> **Instructions to follow**
Find the line with "#117=IFCINDEXEDPOLYGONALFACE((1,3,11,9));" in the entries below. Repeat it, every following line, and the line with "#135=IFCINDEXEDPOLYGONALFACE((2,6,8,4));", exactly and with nothing added.

> **Information supplied**
========

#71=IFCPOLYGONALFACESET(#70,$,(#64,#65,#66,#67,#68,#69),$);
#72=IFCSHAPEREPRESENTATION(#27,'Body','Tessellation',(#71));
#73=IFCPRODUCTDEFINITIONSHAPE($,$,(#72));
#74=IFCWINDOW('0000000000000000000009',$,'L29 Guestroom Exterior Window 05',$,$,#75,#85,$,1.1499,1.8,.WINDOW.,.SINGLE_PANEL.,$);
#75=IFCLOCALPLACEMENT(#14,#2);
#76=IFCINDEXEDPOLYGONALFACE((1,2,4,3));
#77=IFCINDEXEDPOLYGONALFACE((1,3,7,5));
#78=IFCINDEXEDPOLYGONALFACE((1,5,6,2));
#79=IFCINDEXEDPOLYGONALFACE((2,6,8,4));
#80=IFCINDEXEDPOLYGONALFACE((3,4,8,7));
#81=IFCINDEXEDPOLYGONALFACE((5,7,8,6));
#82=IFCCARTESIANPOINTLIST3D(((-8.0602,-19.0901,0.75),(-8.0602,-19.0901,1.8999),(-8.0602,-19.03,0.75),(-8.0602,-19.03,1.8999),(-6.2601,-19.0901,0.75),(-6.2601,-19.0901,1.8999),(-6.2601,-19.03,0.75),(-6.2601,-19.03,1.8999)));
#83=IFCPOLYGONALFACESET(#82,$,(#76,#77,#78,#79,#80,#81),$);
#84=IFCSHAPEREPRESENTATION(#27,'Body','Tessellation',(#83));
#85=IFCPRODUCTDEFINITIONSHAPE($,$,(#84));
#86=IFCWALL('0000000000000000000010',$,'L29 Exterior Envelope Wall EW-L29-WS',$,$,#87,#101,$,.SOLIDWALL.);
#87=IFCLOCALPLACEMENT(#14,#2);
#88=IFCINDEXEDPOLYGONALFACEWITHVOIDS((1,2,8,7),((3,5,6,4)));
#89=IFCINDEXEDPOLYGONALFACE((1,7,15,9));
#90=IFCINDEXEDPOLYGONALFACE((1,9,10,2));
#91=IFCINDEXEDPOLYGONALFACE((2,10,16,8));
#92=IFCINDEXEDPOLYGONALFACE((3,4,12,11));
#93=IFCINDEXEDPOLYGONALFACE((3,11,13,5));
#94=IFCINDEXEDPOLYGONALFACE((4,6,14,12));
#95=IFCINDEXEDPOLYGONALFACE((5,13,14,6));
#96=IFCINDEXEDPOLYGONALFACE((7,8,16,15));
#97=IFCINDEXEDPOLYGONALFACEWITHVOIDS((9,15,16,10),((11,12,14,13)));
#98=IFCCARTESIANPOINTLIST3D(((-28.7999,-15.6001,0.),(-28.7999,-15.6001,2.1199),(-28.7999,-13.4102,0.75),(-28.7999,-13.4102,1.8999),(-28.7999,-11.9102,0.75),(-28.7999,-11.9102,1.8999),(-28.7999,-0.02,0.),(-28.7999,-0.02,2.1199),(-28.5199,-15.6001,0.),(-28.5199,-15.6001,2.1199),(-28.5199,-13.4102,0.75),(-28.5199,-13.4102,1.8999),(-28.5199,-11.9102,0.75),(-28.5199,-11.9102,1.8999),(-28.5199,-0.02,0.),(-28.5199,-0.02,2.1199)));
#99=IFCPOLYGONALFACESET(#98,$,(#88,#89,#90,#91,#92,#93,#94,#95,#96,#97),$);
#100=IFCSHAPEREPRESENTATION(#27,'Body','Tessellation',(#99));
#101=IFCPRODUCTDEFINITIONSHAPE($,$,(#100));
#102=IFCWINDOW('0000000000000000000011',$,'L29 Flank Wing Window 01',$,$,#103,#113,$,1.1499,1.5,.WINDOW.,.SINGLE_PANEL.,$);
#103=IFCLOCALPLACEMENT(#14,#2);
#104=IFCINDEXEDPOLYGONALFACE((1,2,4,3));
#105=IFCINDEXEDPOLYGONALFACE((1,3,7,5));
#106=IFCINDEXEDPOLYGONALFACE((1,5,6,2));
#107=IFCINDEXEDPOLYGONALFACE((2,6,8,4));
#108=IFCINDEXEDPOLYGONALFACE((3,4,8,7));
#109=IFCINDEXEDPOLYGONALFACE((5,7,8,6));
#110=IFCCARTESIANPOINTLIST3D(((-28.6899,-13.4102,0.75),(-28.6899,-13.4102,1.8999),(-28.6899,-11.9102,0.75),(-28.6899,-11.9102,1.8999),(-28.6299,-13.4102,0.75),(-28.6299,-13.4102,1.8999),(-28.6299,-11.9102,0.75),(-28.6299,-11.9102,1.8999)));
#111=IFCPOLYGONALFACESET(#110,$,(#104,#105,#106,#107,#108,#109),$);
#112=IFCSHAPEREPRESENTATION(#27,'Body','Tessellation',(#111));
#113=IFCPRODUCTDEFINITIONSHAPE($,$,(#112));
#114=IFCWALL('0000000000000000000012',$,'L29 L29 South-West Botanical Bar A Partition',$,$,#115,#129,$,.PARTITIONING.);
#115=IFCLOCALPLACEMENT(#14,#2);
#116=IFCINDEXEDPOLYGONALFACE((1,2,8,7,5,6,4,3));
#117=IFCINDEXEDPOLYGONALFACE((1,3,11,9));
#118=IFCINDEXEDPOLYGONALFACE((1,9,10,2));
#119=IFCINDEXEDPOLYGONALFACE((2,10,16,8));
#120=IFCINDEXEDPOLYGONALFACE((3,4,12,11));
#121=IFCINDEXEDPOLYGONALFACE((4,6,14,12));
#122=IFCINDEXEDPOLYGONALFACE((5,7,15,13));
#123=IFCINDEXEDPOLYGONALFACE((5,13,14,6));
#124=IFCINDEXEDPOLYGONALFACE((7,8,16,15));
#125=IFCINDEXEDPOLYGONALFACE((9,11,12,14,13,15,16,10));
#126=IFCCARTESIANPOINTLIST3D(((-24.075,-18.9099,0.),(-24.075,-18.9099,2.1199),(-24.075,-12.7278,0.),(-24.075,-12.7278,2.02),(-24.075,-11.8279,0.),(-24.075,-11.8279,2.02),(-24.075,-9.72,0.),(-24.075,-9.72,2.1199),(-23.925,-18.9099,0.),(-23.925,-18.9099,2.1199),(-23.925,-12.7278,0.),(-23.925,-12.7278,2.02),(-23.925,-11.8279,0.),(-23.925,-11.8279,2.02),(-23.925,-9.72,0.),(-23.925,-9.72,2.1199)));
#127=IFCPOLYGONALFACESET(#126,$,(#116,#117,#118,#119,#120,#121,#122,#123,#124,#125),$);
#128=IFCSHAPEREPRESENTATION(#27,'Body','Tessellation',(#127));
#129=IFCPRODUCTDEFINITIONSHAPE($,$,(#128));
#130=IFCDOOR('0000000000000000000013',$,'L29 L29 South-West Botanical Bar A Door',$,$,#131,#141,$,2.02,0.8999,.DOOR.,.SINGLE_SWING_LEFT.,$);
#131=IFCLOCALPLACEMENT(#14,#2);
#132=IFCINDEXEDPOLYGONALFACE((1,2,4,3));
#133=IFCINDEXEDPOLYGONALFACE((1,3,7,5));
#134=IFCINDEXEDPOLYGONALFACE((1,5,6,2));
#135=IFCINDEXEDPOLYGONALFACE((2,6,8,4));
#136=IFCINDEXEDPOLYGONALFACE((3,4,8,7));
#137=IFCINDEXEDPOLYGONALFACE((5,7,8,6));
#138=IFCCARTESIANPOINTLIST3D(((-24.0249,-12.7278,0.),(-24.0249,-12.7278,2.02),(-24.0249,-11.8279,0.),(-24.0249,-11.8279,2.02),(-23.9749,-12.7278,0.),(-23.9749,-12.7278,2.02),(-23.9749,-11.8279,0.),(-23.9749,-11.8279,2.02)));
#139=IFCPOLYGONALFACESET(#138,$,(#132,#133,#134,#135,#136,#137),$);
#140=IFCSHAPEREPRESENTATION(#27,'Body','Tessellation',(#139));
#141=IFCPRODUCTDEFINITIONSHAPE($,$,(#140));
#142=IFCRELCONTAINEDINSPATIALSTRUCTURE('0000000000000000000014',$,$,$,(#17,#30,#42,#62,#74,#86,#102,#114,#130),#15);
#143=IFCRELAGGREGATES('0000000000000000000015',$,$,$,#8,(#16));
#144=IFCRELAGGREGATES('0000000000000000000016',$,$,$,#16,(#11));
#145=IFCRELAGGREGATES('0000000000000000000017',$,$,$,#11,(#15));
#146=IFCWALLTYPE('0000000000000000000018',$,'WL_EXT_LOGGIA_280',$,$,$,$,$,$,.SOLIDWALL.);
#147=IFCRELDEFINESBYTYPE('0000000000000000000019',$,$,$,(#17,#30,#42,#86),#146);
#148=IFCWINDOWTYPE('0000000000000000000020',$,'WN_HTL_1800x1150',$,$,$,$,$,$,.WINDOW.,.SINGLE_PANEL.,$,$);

========

> **Answer box**
#117=IFCINDEXEDPOLYGONALFACE((1,3,11,9));
#118=IFCINDEXEDPOLYGONALFACE((1,9,10,2));
#119=IFCINDEXEDPOLYGONALFACE((2,10,16,8));
#120=IFCINDEXEDPOLYGONALFACE((3,4,12,11));
#121=IFCINDEXEDPOLYGONALFACE((4,6,14,12));
#122=IFCINDEXEDPOLYGONALFACE((5,7,15,13));
#123=IFCINDEXEDPOLYGONALFACE((5,13,14,6));
#124=IFCINDEXEDPOLYGONALFACE((7,8,16,15));
#125=IFCINDEXEDPOLYGONALFACE((9,11,12,14,13,15,16,10));
#126=IFCCARTESIANPOINTLIST3D(((-24.075,-18.9099,0.),(-24.075,-18.9099,2.1199),(-24.075,-12.7278,0.),(-24.075,-12.7278,2.02),(-24.075,-11.8279,0.),(-24.075,-11.8279,2.02),(-24.075,-9.72,0.),(-24.075,-9.72,2.1199),(-23.925,-18.9099,0.),(-23.925,-18.9099,2.1199),(-23.925,-12.7278,0.),(-23.925,-12.7278,2.02),(-23.925,-11.8279,0.),(-23.925,-11.8279,2.02),(-23.925,-9.72,0.),(-23.925,-9.72,2.1199)));
#127=IFCPOLYGONALFACESET(#126,$,(#116,#117,#118,#119,#120,#121,#122,#123,#124,#125),$);
#128=IFCSHAPEREPRESENTATION(#27,'Body','Tessellation',(#127));
#129=IFCPRODUCTDEFINITIONSHAPE($,$,(#128));
#130=IFCDOOR('0000000000000000000013',$,'L29 L29 South-West Botanical Bar A Door',$,$,#131,#141,$,2.02,0.8999,.DOOR.,.SINGLE_SWING_LEFT.,$);
#131=IFCLOCALPLACEMENT(#14,#2);
#132=IFCINDEXEDPOLYGONALFACE((1,2,4,3));
#133=IFCINDEXEDPOLYGONALFACE((1,3,7,5));
#134=IFCINDEXEDPOLYGONALFACE((1,5,6,2));
#135=IFCINDEXEDPOLYGONALFACE((2,6,8,4));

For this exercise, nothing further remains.